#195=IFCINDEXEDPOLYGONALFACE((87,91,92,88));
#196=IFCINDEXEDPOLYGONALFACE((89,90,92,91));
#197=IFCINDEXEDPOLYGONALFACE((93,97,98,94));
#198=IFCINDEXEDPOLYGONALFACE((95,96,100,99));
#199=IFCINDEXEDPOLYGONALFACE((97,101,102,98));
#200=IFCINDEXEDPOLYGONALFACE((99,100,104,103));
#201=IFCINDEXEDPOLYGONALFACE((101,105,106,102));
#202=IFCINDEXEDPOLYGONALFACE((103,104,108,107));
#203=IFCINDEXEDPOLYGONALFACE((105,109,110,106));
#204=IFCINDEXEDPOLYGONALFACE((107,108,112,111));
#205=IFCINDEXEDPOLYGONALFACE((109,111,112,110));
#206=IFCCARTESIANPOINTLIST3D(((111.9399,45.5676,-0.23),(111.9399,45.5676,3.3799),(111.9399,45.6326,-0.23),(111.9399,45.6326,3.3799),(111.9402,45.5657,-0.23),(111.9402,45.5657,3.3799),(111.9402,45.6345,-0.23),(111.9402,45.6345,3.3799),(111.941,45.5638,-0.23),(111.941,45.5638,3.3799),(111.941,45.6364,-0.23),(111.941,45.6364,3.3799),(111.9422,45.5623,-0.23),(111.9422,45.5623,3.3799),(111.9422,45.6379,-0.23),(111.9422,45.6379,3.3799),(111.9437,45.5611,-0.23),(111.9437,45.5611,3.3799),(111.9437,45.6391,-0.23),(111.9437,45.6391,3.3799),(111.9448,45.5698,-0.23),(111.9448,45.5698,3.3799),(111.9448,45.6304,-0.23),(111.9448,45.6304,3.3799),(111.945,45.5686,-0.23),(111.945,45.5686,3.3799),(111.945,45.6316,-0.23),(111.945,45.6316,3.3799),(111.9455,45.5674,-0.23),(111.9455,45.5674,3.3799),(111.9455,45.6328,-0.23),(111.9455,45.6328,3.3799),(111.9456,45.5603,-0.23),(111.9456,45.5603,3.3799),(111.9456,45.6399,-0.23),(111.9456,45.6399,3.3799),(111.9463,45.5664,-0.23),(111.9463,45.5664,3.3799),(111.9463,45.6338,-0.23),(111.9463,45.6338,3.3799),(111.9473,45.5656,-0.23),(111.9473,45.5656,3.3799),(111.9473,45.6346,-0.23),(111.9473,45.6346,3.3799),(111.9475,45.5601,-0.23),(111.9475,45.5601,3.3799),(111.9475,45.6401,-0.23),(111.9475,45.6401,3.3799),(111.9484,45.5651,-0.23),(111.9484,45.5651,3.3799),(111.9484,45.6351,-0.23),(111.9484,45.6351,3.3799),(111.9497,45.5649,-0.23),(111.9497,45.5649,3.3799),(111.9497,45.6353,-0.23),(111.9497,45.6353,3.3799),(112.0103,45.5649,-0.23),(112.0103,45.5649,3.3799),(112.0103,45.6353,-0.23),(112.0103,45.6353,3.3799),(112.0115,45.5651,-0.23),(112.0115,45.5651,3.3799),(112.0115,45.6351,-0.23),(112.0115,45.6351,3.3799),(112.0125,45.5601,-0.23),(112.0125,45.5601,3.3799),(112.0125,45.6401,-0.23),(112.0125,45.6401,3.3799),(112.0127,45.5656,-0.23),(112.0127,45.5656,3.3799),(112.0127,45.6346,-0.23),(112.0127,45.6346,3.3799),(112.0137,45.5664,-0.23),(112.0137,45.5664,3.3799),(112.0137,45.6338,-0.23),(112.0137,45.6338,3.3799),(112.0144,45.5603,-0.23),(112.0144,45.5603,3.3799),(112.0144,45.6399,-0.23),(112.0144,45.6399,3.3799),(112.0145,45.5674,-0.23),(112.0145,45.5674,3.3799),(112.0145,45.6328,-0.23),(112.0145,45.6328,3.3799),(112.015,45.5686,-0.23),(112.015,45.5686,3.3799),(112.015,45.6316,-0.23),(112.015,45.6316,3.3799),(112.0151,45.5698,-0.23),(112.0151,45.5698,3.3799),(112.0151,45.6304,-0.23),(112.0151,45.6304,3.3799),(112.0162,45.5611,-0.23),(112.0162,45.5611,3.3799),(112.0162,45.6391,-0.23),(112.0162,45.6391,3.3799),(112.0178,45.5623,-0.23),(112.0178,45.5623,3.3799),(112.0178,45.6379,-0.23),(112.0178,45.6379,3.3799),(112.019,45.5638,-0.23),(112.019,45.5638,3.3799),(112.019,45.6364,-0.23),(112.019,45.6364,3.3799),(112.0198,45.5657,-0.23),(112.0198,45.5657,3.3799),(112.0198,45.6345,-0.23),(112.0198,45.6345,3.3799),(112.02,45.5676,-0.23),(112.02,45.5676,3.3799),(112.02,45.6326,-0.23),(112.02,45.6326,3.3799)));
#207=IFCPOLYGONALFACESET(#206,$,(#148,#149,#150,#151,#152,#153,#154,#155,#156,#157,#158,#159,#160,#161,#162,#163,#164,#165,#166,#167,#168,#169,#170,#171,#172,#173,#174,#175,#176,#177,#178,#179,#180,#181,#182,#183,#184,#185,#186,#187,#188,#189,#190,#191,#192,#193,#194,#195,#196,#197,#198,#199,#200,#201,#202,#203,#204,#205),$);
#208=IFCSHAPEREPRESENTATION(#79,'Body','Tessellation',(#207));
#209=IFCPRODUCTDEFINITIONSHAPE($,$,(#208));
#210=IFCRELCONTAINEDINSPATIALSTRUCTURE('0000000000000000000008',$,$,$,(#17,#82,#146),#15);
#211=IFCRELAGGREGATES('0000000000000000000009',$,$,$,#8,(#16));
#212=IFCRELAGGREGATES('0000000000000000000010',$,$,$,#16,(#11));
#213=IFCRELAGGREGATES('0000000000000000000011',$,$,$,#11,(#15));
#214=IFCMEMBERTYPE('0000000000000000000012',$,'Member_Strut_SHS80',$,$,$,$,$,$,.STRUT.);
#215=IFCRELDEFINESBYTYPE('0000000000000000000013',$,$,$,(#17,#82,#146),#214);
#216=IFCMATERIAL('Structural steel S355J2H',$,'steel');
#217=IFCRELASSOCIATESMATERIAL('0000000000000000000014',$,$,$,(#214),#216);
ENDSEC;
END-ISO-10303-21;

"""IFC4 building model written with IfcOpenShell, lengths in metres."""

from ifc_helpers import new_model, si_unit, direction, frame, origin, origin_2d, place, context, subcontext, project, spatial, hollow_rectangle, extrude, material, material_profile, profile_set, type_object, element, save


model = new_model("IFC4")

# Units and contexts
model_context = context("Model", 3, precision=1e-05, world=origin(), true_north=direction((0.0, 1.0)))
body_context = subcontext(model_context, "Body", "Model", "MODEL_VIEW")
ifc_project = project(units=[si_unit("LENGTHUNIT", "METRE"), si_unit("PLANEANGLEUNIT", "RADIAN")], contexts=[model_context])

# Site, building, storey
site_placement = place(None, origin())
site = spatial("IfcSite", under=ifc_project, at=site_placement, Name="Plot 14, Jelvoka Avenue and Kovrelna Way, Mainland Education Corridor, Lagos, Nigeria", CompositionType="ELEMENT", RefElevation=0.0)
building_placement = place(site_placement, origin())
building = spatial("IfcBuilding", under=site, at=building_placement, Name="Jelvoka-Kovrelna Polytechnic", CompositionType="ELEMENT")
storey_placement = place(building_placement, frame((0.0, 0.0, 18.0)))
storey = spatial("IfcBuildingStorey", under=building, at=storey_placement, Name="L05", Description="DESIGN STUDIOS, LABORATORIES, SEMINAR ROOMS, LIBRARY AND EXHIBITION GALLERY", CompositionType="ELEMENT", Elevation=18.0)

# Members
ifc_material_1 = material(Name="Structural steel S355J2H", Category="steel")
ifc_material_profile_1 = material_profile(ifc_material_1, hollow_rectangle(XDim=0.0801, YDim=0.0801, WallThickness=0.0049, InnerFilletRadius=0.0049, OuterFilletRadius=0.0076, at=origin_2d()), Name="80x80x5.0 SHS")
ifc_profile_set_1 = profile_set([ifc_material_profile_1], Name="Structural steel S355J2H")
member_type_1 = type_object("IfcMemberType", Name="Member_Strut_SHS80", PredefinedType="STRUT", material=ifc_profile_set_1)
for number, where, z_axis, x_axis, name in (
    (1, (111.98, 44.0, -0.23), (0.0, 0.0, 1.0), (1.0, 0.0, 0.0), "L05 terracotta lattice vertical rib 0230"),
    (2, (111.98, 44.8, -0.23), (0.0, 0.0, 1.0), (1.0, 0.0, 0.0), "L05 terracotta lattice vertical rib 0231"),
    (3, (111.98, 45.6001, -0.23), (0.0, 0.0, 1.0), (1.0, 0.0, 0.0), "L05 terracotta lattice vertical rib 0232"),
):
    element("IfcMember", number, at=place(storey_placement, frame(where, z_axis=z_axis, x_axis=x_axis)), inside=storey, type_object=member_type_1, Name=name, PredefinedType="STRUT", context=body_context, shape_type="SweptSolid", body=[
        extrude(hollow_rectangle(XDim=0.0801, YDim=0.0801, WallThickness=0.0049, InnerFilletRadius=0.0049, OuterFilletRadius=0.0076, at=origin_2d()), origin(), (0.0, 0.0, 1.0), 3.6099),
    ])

Brief:
Look through the entries above and count each line holding "Structural"; report the count alone.

Your solution:
3